=== Section Start ===

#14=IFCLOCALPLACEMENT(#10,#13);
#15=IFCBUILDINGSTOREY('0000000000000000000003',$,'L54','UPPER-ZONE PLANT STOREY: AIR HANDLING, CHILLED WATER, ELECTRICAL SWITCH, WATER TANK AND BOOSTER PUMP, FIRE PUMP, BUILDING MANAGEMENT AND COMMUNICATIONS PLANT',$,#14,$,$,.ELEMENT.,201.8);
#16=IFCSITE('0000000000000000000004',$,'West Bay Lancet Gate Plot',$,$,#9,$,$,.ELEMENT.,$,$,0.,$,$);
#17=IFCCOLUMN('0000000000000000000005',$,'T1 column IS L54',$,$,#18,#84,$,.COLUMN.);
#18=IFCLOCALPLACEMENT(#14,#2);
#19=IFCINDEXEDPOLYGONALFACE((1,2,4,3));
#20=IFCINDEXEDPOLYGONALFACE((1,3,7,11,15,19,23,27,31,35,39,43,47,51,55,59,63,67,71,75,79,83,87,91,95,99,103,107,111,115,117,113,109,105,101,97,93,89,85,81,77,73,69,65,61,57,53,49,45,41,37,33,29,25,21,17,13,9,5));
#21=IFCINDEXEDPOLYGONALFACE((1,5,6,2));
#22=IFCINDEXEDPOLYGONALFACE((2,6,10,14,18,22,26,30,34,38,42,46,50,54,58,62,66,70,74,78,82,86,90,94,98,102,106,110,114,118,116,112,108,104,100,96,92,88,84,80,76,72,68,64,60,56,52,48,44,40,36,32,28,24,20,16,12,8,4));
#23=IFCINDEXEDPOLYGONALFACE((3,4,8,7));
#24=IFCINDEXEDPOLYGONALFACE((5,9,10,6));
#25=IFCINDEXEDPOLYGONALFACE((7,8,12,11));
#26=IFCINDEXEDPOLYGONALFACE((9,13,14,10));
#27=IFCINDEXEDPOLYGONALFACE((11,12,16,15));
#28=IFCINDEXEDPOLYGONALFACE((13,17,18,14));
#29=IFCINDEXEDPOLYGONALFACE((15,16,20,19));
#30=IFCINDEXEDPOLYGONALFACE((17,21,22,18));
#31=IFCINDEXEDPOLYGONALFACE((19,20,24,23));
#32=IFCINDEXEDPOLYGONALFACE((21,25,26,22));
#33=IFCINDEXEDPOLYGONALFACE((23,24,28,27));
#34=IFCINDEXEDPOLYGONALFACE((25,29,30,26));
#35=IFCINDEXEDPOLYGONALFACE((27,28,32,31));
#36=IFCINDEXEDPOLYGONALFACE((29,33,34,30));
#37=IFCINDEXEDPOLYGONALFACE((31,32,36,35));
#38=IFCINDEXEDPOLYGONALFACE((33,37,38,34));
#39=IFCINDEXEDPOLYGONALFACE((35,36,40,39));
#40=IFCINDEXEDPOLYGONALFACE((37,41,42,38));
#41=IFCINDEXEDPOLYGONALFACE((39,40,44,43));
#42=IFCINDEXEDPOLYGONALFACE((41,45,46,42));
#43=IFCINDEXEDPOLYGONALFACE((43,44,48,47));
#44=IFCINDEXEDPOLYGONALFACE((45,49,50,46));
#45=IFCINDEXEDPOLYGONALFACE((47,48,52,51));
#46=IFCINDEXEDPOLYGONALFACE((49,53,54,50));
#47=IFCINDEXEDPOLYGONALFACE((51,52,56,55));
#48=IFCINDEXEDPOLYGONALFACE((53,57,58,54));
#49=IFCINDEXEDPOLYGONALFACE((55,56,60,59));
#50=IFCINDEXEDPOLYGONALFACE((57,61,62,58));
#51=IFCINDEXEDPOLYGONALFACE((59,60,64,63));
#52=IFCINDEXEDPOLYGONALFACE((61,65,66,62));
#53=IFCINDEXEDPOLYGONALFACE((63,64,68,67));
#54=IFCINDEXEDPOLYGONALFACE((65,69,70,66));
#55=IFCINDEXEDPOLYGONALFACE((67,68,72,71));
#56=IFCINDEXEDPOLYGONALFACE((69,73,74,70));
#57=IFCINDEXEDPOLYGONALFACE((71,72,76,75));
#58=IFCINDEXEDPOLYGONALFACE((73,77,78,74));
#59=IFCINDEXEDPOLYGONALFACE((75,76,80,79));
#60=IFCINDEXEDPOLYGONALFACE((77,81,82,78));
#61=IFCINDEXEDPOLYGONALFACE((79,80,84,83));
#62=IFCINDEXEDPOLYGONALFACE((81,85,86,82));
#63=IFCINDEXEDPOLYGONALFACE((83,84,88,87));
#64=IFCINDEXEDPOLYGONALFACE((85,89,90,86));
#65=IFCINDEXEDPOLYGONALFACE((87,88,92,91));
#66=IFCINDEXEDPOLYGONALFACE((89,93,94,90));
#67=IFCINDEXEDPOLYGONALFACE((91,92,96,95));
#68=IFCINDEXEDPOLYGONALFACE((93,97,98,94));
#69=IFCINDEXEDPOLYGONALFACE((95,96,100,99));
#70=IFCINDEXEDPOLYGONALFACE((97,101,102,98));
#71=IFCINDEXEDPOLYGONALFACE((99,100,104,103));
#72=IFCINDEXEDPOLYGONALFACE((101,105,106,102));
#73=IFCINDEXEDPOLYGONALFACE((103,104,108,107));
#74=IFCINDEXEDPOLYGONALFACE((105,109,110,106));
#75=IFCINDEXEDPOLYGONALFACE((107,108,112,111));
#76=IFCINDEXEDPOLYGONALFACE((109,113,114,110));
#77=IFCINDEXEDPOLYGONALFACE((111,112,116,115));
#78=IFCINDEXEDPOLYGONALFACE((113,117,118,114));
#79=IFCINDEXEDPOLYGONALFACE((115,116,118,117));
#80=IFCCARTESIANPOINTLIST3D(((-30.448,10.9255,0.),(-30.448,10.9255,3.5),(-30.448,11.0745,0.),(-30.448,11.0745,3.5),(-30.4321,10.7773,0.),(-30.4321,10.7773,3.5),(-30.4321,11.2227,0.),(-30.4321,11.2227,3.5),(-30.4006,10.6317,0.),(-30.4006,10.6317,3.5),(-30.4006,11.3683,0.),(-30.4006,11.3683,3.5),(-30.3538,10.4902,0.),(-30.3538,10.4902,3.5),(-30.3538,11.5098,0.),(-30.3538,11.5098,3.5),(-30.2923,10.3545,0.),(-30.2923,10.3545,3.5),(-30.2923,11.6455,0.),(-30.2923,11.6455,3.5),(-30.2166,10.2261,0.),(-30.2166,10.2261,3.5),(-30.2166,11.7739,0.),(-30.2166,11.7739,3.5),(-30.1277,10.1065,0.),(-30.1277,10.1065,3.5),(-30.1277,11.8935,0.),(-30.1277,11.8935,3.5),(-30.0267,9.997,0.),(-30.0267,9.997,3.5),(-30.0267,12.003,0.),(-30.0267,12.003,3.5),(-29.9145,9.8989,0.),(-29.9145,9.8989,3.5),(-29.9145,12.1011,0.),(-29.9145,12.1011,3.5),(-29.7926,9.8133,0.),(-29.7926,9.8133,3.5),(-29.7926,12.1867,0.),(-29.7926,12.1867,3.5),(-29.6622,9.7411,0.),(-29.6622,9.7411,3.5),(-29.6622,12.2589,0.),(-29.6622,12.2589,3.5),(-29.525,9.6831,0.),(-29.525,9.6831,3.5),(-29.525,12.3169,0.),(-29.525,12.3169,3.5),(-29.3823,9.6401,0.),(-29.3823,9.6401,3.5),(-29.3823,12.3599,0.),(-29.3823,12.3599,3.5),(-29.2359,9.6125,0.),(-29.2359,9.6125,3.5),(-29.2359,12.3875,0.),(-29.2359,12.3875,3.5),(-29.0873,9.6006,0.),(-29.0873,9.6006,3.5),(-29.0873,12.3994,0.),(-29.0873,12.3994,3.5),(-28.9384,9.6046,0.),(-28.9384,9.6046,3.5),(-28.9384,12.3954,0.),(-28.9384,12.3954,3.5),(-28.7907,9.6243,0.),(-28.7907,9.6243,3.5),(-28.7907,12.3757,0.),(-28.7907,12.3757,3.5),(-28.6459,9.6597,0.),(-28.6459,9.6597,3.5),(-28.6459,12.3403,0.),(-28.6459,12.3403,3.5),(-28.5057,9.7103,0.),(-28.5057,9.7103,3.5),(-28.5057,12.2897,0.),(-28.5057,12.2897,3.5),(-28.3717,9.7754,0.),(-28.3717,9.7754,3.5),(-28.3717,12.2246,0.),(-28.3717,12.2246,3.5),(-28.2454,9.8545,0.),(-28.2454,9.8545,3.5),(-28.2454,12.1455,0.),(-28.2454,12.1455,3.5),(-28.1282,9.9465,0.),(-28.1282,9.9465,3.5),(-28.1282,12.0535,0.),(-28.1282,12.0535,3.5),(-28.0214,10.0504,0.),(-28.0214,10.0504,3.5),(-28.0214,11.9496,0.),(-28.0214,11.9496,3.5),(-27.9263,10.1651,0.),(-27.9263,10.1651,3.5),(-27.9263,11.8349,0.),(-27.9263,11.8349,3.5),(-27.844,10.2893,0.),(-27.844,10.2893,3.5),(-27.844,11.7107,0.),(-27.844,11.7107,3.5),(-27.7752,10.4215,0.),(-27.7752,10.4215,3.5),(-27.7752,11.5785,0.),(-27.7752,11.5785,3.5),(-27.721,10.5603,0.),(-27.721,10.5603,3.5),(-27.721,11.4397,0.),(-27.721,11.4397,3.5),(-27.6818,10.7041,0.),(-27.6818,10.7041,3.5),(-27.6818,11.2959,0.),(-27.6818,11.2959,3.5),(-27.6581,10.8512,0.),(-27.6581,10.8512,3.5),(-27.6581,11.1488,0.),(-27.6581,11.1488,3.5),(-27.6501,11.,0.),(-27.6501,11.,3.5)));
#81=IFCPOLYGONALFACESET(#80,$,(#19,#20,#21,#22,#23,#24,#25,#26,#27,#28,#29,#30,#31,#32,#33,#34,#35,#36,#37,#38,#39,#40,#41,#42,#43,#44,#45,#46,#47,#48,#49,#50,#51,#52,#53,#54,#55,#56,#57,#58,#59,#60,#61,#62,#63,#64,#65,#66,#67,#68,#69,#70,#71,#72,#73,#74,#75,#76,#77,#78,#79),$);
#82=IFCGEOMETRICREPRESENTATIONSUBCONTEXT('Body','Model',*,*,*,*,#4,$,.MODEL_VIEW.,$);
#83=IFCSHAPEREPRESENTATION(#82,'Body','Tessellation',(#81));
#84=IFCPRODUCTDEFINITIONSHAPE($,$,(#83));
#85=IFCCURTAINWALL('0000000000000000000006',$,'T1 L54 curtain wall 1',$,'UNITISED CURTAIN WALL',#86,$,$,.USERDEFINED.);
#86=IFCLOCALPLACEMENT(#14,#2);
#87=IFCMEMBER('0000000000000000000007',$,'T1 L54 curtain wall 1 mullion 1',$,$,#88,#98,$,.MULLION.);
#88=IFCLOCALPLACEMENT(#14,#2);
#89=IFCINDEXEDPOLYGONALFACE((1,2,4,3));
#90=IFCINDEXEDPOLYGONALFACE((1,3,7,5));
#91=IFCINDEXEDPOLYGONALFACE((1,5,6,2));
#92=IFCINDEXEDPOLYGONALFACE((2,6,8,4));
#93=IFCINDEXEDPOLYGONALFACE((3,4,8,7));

=== Section End ===

WHAT NEEDS TO BE DONE: For the listing above, print only the lines starting at the line containing "#21=IFCINDEXEDPOLYGONALFACE((1,5,6,2));" and ending at the line containing "#30=IFCINDEXEDPOLYGONALFACE((17,21,22,18));", exactly, both included.

TASK RESULT:
#21=IFCINDEXEDPOLYGONALFACE((1,5,6,2));
#22=IFCINDEXEDPOLYGONALFACE((2,6,10,14,18,22,26,30,34,38,42,46,50,54,58,62,66,70,74,78,82,86,90,94,98,102,106,110,114,118,116,112,108,104,100,96,92,88,84,80,76,72,68,64,60,56,52,48,44,40,36,32,28,24,20,16,12,8,4));
#23=IFCINDEXEDPOLYGONALFACE((3,4,8,7));
#24=IFCINDEXEDPOLYGONALFACE((5,9,10,6));
#25=IFCINDEXEDPOLYGONALFACE((7,8,12,11));
#26=IFCINDEXEDPOLYGONALFACE((9,13,14,10));
#27=IFCINDEXEDPOLYGONALFACE((11,12,16,15));
#28=IFCINDEXEDPOLYGONALFACE((13,17,18,14));
#29=IFCINDEXEDPOLYGONALFACE((15,16,20,19));
#30=IFCINDEXEDPOLYGONALFACE((17,21,22,18));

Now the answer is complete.